━━━━━ DATASET RECORDS ━━━━━

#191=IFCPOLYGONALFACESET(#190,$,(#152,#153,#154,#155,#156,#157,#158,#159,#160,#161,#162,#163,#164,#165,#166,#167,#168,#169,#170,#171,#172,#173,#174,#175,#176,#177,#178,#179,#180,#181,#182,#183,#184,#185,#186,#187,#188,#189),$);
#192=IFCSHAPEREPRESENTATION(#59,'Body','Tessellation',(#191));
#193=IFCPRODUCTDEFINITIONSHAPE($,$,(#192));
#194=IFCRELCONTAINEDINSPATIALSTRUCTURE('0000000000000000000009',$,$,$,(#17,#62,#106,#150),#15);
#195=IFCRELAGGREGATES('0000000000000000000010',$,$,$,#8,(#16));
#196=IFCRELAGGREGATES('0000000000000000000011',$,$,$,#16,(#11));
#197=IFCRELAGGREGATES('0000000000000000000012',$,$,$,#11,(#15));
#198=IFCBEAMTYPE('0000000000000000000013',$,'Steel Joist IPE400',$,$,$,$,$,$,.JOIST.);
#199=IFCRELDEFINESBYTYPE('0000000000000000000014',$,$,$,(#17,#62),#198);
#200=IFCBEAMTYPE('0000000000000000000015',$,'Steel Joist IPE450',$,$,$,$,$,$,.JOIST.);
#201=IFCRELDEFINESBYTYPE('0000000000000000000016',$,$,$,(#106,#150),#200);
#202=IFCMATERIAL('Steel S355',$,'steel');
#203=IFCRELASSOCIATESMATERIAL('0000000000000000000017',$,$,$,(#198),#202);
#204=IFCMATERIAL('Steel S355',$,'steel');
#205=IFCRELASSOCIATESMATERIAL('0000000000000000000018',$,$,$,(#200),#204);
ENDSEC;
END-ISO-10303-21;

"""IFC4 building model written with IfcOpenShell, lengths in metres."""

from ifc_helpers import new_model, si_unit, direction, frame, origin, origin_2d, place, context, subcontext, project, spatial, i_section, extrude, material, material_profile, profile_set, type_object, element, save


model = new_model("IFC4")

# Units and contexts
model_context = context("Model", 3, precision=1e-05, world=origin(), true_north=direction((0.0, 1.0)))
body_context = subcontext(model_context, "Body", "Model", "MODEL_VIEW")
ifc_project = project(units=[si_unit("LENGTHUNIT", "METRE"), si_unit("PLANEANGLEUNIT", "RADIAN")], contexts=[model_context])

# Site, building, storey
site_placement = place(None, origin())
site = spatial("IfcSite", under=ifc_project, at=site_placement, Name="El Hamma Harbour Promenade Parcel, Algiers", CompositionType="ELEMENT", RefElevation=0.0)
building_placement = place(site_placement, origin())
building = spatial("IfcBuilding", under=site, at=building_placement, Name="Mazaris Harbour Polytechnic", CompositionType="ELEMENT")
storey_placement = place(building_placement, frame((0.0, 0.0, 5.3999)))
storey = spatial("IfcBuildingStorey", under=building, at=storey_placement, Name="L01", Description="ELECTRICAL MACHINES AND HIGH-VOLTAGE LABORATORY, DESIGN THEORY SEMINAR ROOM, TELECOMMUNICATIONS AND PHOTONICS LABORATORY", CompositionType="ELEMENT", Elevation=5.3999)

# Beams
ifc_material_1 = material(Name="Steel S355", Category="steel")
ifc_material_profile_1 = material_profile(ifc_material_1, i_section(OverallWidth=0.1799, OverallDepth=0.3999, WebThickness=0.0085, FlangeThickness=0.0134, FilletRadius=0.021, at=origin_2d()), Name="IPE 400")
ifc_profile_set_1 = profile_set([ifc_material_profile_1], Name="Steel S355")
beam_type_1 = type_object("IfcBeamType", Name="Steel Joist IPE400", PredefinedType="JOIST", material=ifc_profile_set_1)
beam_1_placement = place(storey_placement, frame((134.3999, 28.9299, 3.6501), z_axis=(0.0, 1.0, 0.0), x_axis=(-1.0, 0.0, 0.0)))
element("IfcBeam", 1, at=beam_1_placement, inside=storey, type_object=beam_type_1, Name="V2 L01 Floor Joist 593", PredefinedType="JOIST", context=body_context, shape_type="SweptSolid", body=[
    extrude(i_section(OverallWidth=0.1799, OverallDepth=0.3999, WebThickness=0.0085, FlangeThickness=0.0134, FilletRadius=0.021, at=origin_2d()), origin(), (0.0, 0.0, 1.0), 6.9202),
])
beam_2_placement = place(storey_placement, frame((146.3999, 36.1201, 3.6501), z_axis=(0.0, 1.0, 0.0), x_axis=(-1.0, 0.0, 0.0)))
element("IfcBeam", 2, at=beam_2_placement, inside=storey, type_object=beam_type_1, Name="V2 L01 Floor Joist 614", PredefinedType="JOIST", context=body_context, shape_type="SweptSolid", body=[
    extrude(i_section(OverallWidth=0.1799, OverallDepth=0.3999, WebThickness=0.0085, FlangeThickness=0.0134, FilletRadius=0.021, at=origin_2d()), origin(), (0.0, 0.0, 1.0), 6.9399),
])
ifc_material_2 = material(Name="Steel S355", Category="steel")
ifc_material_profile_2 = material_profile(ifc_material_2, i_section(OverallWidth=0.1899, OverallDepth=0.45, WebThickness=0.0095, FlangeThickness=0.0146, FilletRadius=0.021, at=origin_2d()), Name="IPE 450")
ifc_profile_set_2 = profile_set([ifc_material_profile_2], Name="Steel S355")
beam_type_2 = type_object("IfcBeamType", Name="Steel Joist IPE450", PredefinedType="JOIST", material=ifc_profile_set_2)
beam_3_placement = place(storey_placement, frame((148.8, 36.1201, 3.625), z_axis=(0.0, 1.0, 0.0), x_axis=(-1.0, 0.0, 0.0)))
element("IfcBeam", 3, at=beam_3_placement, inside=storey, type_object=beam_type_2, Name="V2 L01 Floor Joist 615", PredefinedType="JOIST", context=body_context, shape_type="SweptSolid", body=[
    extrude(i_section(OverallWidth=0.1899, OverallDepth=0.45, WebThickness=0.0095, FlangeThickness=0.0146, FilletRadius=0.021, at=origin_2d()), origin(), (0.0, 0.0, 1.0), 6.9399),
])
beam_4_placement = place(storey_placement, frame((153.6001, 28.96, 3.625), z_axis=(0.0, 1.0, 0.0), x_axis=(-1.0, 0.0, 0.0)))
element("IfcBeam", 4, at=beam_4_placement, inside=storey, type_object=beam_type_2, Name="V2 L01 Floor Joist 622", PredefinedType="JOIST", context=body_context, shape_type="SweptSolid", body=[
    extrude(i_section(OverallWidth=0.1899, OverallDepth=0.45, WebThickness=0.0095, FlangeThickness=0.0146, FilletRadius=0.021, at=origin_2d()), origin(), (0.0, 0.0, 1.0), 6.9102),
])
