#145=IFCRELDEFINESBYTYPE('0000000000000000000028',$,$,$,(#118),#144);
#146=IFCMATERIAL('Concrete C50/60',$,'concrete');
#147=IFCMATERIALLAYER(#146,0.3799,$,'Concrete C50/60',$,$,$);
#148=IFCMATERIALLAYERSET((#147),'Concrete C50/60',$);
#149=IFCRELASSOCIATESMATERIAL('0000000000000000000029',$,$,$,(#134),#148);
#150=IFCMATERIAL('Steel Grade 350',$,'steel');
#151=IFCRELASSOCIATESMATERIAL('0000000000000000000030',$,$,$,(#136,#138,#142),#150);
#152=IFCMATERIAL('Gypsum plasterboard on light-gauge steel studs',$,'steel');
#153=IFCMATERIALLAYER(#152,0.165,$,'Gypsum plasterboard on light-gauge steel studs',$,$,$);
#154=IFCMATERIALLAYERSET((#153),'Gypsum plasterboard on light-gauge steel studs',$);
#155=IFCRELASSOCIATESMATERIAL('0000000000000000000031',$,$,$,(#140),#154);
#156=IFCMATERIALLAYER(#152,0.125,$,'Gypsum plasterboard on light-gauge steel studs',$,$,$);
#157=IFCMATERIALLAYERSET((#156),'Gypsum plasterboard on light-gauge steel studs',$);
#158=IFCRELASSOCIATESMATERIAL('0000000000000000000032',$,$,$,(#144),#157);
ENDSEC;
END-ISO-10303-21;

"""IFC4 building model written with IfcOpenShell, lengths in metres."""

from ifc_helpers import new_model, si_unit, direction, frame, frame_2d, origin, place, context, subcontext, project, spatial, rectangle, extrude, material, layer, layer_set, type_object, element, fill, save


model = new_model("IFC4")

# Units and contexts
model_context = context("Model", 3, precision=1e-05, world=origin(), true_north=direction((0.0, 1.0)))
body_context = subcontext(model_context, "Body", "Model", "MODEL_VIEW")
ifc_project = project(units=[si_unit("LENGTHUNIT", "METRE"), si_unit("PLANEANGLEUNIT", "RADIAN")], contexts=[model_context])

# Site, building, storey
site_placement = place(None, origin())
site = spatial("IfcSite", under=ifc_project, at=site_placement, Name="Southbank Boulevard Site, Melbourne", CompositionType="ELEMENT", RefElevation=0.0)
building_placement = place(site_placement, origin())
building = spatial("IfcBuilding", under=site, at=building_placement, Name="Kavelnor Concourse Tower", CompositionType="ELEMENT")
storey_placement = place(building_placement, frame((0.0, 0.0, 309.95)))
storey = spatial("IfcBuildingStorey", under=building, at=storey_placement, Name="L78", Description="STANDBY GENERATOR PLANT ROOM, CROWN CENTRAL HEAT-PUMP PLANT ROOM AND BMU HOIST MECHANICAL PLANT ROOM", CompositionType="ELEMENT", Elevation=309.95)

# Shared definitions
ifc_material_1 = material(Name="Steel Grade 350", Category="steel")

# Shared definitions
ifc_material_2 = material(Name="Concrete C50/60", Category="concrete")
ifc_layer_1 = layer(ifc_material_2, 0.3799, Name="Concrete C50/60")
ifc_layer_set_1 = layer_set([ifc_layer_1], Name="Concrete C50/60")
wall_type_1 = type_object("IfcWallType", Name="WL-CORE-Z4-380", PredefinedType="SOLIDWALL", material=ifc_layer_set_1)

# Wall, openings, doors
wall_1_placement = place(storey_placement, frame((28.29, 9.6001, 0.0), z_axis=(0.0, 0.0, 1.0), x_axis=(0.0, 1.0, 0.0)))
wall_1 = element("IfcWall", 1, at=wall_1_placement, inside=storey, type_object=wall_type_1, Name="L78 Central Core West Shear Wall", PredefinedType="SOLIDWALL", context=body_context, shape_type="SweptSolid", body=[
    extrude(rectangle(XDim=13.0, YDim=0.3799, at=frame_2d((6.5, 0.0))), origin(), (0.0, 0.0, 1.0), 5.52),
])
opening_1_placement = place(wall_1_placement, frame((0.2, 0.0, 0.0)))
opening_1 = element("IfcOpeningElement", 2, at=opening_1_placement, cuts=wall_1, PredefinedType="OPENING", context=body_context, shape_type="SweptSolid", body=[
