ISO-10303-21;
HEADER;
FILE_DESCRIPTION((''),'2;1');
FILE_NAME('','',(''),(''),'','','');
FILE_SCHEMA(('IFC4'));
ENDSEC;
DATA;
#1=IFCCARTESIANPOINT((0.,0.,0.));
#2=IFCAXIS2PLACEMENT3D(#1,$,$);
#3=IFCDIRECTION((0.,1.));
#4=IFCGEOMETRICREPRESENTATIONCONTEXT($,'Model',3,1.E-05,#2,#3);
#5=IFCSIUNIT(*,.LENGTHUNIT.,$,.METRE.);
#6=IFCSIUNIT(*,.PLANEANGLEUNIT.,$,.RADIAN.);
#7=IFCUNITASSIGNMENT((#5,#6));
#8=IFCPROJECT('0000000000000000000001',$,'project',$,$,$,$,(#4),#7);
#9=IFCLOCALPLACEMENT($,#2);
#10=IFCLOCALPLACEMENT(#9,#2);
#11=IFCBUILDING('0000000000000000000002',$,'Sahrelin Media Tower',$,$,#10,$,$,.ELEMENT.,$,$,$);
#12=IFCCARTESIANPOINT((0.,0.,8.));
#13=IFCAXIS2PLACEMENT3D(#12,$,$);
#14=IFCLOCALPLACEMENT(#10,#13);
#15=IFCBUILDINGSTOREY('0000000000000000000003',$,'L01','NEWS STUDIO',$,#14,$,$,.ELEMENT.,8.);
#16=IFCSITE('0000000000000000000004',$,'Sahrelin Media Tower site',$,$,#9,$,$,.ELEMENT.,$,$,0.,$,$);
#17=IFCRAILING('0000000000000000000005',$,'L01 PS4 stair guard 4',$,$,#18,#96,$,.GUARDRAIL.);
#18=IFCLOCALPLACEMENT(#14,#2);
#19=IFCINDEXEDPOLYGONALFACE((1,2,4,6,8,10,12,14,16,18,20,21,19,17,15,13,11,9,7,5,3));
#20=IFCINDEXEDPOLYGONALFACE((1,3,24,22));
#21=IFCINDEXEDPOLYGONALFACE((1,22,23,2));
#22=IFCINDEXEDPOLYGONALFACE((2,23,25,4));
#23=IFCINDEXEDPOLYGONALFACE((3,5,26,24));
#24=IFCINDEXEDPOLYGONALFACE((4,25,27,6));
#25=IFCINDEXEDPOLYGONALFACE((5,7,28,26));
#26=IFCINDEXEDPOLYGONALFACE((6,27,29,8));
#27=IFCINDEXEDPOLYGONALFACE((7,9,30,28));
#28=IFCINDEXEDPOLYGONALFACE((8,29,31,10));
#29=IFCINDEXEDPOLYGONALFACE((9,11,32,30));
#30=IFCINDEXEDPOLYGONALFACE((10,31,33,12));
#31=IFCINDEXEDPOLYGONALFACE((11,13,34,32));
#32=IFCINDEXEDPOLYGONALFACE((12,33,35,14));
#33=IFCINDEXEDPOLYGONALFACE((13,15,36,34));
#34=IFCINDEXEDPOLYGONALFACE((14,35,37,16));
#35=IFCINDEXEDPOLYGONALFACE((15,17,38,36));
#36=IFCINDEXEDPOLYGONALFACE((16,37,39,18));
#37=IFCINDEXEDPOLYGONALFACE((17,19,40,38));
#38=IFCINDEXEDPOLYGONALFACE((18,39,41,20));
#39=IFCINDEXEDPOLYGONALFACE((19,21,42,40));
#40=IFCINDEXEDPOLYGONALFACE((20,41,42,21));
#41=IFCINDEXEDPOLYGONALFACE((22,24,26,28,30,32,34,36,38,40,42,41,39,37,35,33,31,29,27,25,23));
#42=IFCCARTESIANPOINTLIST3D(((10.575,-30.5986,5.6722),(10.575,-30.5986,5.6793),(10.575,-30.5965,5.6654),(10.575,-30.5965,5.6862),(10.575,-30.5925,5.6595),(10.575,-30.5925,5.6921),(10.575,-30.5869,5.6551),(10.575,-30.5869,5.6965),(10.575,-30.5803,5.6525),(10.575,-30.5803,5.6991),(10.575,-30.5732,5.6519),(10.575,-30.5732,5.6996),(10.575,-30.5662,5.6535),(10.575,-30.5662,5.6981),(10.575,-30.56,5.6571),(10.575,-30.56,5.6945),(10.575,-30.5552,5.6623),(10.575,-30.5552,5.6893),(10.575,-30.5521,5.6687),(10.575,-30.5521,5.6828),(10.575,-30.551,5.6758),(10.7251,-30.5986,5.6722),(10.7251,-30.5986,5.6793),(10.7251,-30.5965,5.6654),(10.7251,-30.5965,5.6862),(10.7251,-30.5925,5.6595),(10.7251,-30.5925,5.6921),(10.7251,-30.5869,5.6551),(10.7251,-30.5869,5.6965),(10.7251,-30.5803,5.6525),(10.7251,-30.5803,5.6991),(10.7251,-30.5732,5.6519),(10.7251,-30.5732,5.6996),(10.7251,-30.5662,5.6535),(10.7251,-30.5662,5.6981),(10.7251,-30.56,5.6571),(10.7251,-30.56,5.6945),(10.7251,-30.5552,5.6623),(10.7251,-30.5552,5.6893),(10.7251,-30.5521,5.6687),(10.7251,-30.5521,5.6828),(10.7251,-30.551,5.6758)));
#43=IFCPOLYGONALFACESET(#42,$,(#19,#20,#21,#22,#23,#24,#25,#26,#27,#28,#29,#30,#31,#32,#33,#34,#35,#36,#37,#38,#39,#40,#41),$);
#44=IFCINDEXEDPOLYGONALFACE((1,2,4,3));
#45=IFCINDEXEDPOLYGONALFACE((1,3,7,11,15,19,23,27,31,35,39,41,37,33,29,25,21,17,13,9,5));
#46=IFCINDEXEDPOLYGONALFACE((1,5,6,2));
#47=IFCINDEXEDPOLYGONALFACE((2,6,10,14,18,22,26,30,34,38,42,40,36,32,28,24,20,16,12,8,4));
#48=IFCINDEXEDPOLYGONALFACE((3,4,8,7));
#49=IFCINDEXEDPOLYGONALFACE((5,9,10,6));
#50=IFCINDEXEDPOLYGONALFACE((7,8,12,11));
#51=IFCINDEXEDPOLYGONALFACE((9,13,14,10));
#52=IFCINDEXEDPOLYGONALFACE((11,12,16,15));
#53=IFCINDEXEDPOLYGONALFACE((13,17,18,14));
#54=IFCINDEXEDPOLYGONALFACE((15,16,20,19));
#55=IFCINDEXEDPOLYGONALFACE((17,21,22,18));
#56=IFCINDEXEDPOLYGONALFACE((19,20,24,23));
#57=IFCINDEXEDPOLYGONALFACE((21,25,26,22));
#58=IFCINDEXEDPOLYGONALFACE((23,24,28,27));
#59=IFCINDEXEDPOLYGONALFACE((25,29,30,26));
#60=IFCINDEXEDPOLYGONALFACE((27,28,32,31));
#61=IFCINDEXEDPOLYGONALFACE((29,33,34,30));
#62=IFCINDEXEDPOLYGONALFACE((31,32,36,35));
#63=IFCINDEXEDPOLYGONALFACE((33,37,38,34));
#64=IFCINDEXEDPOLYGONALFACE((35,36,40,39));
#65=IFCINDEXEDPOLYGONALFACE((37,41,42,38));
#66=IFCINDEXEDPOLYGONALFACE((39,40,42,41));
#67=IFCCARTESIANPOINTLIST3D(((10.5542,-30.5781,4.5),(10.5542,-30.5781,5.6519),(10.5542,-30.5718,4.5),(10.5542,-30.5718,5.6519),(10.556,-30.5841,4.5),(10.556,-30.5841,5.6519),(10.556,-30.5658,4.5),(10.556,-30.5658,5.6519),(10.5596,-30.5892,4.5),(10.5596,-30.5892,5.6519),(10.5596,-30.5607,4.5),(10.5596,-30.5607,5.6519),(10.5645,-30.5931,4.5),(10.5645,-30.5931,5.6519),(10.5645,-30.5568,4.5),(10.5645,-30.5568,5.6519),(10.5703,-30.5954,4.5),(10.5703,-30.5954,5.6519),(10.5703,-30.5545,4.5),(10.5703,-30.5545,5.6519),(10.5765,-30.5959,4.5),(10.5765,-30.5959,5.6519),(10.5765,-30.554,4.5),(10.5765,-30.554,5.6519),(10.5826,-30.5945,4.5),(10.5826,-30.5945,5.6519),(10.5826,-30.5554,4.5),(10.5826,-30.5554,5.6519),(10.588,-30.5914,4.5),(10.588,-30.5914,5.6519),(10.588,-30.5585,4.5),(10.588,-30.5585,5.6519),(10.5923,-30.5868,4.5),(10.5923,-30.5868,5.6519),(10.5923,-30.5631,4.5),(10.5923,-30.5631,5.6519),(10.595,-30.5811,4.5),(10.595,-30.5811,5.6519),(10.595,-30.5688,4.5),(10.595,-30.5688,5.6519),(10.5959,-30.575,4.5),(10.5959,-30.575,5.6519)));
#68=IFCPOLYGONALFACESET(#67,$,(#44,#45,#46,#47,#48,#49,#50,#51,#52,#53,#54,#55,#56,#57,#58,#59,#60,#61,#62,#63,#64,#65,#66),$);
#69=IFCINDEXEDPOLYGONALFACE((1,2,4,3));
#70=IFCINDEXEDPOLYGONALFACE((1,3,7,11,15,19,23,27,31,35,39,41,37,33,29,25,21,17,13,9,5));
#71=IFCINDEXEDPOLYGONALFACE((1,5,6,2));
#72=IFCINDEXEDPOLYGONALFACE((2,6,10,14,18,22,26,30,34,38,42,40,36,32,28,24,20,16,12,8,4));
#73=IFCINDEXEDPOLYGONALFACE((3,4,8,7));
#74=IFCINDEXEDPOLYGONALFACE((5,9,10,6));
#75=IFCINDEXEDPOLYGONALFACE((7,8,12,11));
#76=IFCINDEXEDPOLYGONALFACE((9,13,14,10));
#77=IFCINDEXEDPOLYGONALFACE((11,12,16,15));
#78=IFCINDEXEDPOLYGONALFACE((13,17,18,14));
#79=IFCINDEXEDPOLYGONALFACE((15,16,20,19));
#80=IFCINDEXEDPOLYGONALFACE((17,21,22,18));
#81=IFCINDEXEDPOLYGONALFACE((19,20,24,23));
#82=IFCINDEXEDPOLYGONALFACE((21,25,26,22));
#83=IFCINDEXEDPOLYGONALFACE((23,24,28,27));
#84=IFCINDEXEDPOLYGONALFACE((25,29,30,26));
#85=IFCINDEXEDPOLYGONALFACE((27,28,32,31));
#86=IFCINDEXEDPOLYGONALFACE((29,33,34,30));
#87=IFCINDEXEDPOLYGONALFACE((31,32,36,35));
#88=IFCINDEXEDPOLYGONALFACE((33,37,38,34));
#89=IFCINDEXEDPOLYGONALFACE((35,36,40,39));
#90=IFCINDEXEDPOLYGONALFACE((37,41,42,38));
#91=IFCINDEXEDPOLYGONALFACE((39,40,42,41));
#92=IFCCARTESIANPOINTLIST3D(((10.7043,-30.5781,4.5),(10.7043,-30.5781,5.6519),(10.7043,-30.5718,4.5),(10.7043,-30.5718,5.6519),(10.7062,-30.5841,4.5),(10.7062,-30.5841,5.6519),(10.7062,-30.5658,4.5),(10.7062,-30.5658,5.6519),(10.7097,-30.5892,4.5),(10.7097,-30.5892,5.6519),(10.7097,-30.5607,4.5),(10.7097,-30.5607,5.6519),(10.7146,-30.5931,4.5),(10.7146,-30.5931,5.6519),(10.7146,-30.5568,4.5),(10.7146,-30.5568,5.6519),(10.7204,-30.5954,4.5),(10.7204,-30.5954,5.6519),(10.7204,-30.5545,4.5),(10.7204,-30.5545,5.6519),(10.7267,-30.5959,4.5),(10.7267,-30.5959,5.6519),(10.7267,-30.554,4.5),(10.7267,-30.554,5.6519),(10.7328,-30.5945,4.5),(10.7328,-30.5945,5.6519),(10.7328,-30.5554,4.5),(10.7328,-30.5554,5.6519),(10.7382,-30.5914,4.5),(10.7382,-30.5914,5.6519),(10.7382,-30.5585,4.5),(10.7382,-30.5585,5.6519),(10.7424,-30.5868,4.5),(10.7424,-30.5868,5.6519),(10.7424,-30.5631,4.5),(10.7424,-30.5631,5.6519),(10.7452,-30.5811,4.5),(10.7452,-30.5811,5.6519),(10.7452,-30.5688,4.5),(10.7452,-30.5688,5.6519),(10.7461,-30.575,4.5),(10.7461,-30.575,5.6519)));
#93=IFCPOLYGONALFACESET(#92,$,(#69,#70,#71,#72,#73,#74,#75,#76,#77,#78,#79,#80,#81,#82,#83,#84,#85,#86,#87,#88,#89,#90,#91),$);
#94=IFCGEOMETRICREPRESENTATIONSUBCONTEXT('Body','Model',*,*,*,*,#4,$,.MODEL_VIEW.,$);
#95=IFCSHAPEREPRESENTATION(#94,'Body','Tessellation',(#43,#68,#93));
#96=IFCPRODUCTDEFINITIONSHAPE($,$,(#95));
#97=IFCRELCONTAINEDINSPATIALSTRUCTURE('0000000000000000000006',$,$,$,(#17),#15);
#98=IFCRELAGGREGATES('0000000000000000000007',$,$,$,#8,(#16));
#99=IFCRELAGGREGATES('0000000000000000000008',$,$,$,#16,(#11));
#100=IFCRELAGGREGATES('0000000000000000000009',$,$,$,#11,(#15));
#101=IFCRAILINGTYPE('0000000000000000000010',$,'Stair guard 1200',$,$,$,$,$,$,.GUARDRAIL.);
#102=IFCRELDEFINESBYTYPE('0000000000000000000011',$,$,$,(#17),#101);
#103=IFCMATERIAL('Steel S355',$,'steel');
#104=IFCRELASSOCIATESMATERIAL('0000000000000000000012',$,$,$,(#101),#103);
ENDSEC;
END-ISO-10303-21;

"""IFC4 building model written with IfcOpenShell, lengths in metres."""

from ifc_helpers import new_model, si_unit, direction, frame, origin, origin_2d, place, context, subcontext, project, spatial, circle, extrude, material, type_object, element, save


model = new_model("IFC4")

# Units and contexts
model_context = context("Model", 3, precision=1e-05, world=origin(), true_north=direction((0.0, 1.0)))
body_context = subcontext(model_context, "Body", "Model", "MODEL_VIEW")
ifc_project = project(units=[si_unit("LENGTHUNIT", "METRE"), si_unit("PLANEANGLEUNIT", "RADIAN")], contexts=[model_context])

# Site, building, storey
site_placement = place(None, origin())
site = spatial("IfcSite", under=ifc_project, at=site_placement, Name="Sahrelin Media Tower site", CompositionType="ELEMENT", RefElevation=0.0)
building_placement = place(site_placement, origin())
building = spatial("IfcBuilding", under=site, at=building_placement, Name="Sahrelin Media Tower", CompositionType="ELEMENT")
storey_placement = place(building_placement, frame((0.0, 0.0, 8.0)))
storey = spatial("IfcBuildingStorey", under=building, at=storey_placement, Name="L01", Description="NEWS STUDIO", CompositionType="ELEMENT", Elevation=8.0)

# Shared definitions
ifc_material_1 = material(Name="Steel S355", Category="steel")

# Railing
railing_type_1 = type_object("IfcRailingType", Name="Stair guard 1200", PredefinedType="GUARDRAIL", material=ifc_material_1)
railing_1_placement = place(storey_placement, frame((10.575, -30.575, 4.5)))
element("IfcRailing", 1, at=railing_1_placement, inside=storey, type_object=railing_type_1, Name="L01 PS4 stair guard 4", PredefinedType="GUARDRAIL", context=body_context, shape_type="SweptSolid", body=[
    extrude(circle(Radius=0.0239, at=origin_2d()), frame((0.0, 0.0, 1.1758), z_axis=(1.0, 0.0, 0.0), x_axis=(0.0, 1.0, 0.0)), (0.0, 0.0, 1.0), 0.1501),
    extrude(circle(Radius=0.021, at=origin_2d()), origin(), (0.0, 0.0, 1.0), 1.1519),
    extrude(circle(Radius=0.021, at=origin_2d()), frame((0.1501, 0.0, 0.0)), (0.0, 0.0, 1.0), 1.1519),
])

save(model, "model.ifc")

━━━━━

* _ACTIVITY_: Copy every line of the entries in which "ROOM" can be found.

* _SOLUTION FOR THIS EXERCISE_:
storey = spatial("IfcBuildingStorey", under=building, at=storey_placement, Name="L01", Description="ELECTRICAL MACHINES AND HIGH-VOLTAGE LABORATORY, DESIGN THEORY SEMINAR ROOM, TELECOMMUNICATIONS AND PHOTONICS LABORATORY", CompositionType="ELEMENT", Elevation=5.3999)
storey = spatial("IfcBuildingStorey", under=building, at=storey_placement, Name="L78", Description="STANDBY GENERATOR PLANT ROOM, CROWN CENTRAL HEAT-PUMP PLANT ROOM AND BMU HOIST MECHANICAL PLANT ROOM", CompositionType="ELEMENT", Elevation=309.95)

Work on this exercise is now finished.